• [WORK INSTRUCTION]: This exercise calls for every line of the listing below that contains the word "white".

::::::::::

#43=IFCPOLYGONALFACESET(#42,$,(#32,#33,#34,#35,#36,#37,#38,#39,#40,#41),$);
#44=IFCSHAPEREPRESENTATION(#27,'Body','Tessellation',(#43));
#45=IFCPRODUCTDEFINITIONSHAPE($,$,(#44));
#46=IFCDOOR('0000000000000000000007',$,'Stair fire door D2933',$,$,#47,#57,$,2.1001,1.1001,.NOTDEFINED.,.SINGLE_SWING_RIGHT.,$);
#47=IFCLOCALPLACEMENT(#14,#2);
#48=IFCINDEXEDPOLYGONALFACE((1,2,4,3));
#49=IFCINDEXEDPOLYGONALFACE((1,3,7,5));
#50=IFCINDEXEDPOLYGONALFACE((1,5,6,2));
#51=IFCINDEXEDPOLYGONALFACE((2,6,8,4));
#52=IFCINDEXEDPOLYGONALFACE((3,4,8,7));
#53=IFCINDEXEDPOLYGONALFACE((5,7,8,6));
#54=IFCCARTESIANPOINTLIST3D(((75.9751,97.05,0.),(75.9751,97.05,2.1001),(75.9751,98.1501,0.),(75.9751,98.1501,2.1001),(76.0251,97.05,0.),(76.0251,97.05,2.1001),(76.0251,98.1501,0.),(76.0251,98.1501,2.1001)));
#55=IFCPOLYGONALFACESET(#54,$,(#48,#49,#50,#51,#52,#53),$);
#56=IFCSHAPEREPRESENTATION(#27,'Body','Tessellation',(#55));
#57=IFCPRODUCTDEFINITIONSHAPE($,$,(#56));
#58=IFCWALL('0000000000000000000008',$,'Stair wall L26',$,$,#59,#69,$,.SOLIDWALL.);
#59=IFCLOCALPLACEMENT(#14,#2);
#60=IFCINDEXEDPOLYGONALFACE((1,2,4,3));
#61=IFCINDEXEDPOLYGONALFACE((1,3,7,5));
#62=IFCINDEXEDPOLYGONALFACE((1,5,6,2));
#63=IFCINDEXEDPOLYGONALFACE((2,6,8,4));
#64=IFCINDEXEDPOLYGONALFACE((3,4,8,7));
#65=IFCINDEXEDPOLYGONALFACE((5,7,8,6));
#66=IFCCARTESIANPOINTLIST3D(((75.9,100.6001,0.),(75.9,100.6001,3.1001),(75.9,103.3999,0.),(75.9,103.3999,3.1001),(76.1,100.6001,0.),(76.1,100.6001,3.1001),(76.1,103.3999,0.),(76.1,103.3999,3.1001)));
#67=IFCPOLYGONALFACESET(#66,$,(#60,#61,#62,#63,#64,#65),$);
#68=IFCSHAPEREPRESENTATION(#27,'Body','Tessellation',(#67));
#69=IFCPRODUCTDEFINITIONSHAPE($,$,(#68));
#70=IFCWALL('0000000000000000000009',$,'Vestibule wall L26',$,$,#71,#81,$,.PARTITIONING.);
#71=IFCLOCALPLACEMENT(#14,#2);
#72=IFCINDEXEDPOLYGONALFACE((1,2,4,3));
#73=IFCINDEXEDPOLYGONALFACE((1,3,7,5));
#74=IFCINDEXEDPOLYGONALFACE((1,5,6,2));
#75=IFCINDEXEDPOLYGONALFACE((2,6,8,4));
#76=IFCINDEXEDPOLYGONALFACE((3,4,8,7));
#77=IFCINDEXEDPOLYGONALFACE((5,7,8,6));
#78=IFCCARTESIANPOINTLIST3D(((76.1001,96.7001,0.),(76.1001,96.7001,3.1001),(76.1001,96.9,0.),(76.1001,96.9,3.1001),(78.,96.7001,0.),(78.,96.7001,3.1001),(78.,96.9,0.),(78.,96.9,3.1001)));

::::::::::

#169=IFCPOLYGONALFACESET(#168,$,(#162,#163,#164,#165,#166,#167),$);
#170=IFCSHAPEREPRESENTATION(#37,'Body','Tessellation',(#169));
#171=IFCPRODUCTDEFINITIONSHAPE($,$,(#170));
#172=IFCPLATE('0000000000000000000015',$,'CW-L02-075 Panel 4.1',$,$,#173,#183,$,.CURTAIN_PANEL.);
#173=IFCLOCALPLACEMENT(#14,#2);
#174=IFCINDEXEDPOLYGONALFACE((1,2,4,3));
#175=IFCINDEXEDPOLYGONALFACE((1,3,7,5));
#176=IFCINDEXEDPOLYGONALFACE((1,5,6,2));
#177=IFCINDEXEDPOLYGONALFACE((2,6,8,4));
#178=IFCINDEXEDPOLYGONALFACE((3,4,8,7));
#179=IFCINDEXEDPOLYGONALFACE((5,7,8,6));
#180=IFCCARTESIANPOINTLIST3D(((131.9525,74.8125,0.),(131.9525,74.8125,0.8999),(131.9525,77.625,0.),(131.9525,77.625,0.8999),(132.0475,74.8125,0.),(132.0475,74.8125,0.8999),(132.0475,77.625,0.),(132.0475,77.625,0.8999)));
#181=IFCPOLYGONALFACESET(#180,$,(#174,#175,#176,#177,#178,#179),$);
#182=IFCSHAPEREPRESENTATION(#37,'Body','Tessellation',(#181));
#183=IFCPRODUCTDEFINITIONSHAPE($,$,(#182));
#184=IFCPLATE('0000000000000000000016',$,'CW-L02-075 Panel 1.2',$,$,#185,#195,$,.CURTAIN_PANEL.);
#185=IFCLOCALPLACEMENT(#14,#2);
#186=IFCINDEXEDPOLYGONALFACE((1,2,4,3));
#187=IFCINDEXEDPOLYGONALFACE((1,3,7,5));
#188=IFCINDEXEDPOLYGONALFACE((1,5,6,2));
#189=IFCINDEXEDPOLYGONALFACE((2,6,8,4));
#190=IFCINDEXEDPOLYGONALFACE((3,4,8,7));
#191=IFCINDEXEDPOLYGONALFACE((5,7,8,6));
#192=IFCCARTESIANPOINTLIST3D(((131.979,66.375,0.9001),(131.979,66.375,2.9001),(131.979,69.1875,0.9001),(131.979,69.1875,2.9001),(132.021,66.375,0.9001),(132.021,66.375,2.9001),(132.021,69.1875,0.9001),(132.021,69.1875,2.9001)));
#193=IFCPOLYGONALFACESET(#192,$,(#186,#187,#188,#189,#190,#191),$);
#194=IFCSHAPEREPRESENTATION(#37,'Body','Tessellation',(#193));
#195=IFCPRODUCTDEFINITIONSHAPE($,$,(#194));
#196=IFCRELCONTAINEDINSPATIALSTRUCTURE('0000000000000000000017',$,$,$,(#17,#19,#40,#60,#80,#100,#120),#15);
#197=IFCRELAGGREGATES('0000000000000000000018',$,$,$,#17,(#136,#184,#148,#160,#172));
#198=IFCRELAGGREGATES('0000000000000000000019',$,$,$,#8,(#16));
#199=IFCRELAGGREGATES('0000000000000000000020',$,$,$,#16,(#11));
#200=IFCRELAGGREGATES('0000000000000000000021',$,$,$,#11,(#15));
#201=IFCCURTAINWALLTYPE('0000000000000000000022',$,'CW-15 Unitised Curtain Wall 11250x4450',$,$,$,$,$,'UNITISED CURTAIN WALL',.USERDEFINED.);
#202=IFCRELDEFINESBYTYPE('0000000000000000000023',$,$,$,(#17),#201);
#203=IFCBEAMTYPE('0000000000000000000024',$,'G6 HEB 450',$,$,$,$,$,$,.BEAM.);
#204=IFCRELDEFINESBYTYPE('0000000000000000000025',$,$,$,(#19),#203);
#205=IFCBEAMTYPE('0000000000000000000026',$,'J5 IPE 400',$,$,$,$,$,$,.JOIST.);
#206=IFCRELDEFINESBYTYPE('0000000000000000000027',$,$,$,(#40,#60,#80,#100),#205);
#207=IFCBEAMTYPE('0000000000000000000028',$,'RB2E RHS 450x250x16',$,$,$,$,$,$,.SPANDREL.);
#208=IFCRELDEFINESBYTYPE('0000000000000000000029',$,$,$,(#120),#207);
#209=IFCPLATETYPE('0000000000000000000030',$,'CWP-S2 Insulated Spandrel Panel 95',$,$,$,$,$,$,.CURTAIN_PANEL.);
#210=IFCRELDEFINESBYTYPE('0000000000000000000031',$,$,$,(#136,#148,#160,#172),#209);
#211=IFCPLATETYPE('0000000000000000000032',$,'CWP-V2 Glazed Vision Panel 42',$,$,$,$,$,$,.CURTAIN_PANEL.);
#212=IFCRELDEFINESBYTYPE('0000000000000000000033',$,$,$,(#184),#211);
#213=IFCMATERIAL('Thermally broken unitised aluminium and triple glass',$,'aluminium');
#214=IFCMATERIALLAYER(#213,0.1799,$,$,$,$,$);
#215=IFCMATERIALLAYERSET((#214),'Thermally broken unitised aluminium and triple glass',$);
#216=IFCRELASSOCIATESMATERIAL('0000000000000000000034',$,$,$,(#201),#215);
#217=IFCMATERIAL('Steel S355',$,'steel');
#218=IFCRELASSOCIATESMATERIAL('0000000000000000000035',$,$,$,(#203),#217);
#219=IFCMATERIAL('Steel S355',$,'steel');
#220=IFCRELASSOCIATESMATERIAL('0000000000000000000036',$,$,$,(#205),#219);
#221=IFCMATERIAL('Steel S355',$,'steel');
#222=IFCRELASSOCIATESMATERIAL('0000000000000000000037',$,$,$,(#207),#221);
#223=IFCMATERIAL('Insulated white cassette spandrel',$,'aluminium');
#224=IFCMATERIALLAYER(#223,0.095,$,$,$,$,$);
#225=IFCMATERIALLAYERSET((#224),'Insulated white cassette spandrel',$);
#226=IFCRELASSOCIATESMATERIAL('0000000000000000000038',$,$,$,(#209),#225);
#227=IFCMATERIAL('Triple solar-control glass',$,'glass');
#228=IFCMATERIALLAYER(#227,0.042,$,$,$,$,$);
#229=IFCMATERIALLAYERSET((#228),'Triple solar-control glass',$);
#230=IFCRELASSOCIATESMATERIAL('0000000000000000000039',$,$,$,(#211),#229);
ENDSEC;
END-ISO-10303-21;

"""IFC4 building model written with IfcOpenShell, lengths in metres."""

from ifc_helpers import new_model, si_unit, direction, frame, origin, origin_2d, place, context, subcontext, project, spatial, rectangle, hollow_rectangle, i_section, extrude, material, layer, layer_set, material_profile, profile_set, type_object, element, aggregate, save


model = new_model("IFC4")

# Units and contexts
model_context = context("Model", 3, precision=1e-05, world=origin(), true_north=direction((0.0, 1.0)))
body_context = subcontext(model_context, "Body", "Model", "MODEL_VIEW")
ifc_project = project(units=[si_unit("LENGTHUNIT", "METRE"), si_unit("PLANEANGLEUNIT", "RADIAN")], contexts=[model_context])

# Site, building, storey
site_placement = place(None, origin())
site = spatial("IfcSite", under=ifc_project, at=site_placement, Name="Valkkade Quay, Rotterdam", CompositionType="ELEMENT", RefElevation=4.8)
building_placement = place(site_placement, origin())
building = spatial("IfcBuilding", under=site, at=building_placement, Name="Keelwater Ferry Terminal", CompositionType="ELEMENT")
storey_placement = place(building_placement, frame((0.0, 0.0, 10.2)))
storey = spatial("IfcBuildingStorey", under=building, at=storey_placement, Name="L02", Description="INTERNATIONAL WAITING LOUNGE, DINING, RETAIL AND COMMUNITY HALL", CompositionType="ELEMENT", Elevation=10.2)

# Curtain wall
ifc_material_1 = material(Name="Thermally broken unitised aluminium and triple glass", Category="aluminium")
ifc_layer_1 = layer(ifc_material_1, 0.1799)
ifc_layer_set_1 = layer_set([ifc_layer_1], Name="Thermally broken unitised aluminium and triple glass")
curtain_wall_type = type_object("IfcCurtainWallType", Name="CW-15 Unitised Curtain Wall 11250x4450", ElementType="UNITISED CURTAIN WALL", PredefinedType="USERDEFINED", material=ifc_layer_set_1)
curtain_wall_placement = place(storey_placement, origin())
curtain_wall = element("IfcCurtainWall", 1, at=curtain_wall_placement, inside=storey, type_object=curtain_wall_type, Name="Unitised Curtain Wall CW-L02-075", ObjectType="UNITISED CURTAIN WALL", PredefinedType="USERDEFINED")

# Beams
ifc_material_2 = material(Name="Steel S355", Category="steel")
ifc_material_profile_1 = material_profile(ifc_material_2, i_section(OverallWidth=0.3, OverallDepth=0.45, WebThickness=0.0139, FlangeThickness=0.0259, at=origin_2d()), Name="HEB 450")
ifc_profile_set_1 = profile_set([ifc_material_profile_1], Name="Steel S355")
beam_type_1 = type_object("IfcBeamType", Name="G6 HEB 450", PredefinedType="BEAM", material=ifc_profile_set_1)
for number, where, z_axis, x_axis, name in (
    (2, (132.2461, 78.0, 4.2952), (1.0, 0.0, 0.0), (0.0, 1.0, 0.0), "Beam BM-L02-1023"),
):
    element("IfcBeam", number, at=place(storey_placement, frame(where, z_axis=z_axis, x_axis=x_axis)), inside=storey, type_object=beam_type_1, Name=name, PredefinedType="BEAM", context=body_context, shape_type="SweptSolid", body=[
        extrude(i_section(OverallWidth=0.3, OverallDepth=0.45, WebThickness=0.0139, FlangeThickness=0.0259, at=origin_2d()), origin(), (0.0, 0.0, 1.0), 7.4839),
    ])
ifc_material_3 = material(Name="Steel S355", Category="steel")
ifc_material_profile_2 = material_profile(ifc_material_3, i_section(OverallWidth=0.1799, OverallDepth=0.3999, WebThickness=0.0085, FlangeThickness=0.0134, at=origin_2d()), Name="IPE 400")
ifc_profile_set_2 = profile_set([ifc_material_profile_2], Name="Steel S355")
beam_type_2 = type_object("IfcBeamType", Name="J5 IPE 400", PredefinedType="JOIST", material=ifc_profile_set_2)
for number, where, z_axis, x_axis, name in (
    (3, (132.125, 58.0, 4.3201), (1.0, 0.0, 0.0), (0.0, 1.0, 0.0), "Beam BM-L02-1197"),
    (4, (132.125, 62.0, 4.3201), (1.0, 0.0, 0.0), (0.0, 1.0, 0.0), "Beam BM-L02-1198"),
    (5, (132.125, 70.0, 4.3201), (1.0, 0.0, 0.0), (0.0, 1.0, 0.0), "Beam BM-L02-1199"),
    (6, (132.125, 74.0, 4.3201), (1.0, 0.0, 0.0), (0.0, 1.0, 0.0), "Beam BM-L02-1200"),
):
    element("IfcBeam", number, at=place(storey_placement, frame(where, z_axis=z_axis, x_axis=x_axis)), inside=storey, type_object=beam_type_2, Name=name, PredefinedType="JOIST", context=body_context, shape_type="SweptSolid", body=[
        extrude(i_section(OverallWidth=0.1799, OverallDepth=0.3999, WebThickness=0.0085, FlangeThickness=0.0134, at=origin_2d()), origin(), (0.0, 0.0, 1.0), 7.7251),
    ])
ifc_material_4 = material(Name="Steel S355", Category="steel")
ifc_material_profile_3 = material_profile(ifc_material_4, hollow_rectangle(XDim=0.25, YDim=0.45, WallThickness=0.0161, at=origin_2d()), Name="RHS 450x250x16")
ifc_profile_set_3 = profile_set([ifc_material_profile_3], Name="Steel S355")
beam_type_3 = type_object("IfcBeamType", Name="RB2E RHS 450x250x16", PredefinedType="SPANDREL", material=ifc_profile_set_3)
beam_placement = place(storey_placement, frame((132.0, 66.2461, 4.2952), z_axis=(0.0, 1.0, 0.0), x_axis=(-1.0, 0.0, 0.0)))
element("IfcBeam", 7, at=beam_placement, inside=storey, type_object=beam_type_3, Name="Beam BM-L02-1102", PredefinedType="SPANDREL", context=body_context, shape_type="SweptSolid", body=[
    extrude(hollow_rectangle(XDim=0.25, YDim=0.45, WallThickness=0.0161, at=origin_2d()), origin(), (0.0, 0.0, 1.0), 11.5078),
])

::::::::::

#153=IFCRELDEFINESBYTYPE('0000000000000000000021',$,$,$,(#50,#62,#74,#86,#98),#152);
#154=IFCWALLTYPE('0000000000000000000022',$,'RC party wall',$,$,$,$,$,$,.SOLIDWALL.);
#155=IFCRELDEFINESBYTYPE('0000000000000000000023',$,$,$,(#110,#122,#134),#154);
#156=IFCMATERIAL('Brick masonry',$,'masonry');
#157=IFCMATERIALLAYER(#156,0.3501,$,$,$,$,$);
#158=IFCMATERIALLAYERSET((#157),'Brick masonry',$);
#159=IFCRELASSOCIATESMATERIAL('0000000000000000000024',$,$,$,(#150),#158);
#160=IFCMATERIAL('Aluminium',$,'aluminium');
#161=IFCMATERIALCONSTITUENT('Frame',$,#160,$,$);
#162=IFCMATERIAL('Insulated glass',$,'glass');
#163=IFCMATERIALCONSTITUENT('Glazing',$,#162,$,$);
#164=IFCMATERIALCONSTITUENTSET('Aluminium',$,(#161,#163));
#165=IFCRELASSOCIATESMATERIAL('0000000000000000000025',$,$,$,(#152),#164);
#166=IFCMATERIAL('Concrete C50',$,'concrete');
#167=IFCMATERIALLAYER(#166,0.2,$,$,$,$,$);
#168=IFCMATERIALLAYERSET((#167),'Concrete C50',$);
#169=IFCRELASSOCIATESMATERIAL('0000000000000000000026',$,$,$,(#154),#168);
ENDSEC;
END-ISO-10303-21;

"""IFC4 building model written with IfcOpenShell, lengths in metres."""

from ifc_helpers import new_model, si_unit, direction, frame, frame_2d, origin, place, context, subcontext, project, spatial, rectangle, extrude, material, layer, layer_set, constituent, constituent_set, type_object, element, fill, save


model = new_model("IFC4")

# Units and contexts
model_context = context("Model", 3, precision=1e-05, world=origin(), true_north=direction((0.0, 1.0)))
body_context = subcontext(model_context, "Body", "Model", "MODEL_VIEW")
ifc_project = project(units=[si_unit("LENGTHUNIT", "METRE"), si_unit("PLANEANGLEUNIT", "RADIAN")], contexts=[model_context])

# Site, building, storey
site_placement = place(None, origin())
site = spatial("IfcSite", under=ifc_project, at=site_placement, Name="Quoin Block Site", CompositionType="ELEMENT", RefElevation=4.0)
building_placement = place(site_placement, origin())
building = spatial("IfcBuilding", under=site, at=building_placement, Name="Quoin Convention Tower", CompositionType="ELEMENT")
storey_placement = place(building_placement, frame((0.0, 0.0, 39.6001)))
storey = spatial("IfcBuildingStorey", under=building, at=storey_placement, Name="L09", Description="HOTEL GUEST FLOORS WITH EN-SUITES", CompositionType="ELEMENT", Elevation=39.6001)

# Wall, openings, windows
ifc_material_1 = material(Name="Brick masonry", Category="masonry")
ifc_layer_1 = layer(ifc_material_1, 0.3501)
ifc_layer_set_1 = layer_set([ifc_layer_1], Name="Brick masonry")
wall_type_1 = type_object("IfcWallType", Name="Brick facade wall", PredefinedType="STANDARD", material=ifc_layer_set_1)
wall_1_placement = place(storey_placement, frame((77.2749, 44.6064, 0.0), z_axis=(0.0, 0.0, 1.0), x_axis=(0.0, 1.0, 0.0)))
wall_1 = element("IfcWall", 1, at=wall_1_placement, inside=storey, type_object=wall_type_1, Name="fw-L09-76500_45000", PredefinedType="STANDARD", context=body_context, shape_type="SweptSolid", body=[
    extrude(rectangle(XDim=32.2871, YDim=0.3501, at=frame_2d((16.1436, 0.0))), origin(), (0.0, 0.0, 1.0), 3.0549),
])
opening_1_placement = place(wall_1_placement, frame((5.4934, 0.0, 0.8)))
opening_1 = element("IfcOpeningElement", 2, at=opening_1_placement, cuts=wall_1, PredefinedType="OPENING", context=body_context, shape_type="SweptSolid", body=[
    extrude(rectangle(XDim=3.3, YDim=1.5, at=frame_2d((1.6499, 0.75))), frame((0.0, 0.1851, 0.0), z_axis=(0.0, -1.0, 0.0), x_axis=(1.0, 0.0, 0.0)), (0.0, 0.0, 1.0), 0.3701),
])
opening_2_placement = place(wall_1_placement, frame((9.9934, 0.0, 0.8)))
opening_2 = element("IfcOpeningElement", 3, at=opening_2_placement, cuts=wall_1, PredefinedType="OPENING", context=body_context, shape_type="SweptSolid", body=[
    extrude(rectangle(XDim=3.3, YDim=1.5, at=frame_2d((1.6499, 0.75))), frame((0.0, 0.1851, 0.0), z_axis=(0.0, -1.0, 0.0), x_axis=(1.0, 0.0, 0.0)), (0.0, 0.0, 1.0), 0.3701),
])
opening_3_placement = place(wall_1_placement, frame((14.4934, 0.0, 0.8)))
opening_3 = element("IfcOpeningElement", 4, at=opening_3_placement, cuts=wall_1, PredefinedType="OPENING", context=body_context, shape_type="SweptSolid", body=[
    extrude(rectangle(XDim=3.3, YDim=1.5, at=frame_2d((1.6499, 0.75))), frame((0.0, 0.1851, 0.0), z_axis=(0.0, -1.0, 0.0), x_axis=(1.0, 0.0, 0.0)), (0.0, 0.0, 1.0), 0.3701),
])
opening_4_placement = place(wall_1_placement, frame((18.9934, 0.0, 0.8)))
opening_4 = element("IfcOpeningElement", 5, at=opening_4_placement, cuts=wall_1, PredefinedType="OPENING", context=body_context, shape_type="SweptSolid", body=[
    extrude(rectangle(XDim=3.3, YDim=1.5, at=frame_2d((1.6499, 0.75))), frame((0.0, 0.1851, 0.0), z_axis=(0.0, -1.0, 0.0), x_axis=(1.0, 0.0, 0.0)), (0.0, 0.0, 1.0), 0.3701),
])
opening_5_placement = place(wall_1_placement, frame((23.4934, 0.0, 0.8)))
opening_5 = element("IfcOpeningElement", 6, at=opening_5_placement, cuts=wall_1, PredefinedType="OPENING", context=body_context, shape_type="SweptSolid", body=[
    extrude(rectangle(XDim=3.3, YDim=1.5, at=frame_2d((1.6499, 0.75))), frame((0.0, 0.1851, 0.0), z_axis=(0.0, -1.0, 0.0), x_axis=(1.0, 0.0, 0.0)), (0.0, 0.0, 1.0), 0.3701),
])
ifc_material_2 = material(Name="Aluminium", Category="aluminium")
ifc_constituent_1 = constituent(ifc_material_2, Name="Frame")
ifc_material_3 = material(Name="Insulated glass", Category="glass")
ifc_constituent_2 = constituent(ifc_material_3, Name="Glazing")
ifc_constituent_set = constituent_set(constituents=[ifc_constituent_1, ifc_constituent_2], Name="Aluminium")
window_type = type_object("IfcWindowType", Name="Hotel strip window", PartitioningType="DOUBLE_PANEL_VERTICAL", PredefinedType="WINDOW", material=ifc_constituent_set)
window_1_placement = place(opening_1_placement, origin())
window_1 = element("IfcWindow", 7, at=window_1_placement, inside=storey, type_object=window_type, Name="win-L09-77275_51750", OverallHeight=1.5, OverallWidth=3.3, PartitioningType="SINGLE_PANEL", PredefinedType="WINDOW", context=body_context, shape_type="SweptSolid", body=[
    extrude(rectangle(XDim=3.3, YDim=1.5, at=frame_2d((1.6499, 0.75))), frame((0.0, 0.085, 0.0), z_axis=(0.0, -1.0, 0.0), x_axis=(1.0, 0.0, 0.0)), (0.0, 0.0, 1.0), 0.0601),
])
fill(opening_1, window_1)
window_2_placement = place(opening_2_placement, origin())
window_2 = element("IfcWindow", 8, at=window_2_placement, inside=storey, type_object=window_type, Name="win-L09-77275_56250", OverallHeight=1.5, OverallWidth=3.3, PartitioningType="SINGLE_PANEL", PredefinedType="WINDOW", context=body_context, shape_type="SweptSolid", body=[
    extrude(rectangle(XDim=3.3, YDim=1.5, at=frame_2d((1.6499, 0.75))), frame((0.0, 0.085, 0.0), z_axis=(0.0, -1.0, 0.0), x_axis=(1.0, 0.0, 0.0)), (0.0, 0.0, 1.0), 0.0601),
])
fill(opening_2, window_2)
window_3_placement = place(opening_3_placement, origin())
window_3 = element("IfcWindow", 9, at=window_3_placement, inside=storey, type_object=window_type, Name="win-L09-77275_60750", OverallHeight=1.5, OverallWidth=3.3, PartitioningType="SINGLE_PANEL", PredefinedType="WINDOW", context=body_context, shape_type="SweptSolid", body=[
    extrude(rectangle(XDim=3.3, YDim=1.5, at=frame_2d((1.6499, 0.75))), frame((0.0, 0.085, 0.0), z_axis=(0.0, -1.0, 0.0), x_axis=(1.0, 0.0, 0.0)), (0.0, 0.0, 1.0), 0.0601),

::::::::::

• [PROBLEM SOLUTION]:
#223=IFCMATERIAL('Insulated white cassette spandrel',$,'aluminium');
#225=IFCMATERIALLAYERSET((#224),'Insulated white cassette spandrel',$);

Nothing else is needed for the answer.